[Saved data entries]
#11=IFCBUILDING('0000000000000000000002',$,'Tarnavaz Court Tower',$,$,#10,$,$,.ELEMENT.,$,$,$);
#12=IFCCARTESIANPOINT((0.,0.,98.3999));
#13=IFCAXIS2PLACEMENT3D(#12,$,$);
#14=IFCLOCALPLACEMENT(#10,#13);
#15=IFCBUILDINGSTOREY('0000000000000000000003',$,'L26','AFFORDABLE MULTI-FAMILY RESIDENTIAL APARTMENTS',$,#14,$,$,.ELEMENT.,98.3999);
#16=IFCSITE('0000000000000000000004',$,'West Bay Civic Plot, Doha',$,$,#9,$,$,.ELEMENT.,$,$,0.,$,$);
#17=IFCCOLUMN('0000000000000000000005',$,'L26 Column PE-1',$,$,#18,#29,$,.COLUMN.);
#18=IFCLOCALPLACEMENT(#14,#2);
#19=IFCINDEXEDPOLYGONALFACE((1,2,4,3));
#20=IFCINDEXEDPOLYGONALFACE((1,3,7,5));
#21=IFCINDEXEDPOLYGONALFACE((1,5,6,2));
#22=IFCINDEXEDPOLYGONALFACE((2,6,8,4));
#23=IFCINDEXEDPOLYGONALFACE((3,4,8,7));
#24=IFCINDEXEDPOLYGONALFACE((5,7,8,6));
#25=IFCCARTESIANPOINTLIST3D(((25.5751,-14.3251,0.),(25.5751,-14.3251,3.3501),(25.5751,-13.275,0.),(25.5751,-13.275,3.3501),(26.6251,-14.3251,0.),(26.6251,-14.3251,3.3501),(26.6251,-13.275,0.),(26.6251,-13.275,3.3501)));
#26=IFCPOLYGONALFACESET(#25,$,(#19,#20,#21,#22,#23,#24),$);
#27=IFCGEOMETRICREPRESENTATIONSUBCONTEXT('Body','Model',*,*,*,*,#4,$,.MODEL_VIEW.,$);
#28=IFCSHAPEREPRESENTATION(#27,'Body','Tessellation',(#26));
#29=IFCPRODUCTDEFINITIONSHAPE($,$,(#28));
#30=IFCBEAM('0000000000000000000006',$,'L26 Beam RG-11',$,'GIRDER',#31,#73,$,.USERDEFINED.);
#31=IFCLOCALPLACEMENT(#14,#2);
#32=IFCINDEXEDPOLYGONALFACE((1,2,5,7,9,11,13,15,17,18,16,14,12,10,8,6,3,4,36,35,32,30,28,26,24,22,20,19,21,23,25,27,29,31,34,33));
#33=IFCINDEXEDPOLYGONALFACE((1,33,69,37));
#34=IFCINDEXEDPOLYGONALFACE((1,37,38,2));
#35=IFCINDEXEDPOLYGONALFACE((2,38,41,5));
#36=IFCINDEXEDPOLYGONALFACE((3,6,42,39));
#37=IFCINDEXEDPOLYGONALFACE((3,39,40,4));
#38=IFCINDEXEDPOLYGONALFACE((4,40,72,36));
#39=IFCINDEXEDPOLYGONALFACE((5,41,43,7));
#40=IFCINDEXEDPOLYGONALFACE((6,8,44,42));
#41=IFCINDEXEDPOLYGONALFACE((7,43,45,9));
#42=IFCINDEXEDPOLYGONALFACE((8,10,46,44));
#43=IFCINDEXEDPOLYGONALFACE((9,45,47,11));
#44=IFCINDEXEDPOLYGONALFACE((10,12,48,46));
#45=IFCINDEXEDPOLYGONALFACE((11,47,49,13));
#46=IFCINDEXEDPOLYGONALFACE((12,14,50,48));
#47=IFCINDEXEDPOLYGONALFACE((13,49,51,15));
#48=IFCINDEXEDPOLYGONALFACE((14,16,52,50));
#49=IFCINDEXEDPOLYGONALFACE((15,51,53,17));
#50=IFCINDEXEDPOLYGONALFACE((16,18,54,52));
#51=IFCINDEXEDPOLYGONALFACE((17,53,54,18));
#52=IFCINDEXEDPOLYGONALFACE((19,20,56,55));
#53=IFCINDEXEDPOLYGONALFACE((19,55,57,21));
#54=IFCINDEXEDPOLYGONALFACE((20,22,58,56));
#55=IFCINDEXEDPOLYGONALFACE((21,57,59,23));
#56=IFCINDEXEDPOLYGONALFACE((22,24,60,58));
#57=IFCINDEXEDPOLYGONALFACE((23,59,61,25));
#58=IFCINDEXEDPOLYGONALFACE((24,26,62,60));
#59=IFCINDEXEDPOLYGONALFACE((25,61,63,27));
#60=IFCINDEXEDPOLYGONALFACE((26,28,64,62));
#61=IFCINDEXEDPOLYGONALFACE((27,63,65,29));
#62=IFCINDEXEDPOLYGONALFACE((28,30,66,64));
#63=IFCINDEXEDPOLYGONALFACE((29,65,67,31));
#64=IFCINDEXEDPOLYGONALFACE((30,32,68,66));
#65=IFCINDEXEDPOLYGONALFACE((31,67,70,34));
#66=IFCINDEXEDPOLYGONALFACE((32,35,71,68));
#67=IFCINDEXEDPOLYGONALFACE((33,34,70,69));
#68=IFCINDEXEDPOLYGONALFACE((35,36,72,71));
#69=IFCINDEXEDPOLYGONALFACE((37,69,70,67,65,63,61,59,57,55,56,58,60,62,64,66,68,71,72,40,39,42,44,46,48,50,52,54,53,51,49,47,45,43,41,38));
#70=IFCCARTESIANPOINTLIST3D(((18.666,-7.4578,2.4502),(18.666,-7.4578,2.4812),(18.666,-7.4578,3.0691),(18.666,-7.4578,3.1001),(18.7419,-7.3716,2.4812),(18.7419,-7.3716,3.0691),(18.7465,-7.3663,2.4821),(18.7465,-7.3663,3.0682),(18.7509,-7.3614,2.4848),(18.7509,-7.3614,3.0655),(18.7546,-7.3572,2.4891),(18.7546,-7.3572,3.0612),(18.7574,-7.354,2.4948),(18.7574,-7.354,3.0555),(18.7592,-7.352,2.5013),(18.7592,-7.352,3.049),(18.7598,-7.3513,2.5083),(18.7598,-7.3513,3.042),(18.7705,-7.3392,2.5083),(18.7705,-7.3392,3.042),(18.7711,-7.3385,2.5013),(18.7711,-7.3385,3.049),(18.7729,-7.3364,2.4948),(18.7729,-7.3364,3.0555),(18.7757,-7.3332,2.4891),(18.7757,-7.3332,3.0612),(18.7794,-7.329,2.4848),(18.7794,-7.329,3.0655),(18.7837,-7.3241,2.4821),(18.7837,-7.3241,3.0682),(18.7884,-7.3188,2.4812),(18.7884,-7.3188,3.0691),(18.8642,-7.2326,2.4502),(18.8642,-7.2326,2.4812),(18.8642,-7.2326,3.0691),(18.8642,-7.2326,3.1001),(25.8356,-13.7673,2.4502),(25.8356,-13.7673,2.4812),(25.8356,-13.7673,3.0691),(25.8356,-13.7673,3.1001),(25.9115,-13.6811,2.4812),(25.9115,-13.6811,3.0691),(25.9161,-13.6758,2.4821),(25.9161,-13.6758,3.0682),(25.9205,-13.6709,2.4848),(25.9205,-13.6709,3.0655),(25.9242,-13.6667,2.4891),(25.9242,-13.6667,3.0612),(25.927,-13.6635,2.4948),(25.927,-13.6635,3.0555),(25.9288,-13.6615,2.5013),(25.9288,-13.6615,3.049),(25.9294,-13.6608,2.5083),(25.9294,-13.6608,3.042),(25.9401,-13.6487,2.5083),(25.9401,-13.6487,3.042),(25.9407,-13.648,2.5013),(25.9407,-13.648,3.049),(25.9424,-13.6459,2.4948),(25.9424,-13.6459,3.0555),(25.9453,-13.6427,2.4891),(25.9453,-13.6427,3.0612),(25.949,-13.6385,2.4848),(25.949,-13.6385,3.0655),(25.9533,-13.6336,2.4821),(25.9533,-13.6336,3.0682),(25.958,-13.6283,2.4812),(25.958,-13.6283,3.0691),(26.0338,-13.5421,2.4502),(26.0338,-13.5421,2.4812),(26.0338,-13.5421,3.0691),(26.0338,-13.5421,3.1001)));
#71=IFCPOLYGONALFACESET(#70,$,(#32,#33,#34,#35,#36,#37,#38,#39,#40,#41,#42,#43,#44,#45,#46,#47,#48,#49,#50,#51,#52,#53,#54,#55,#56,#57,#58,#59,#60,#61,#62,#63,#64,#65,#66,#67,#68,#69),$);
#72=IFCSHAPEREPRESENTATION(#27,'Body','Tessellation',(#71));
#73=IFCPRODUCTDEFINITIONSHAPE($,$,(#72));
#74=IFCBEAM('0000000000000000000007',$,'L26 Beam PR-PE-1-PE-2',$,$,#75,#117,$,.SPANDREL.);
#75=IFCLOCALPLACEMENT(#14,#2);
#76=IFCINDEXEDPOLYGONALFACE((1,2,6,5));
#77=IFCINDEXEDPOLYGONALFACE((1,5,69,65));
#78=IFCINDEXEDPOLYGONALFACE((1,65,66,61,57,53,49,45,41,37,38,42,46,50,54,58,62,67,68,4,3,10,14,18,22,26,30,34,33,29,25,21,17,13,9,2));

Work order
Find and copy each line above holding "IFCBEAM".

Solved problem
#30=IFCBEAM('0000000000000000000006',$,'L26 Beam RG-11',$,'GIRDER',#31,#73,$,.USERDEFINED.);
#74=IFCBEAM('0000000000000000000007',$,'L26 Beam PR-PE-1-PE-2',$,$,#75,#117,$,.SPANDREL.);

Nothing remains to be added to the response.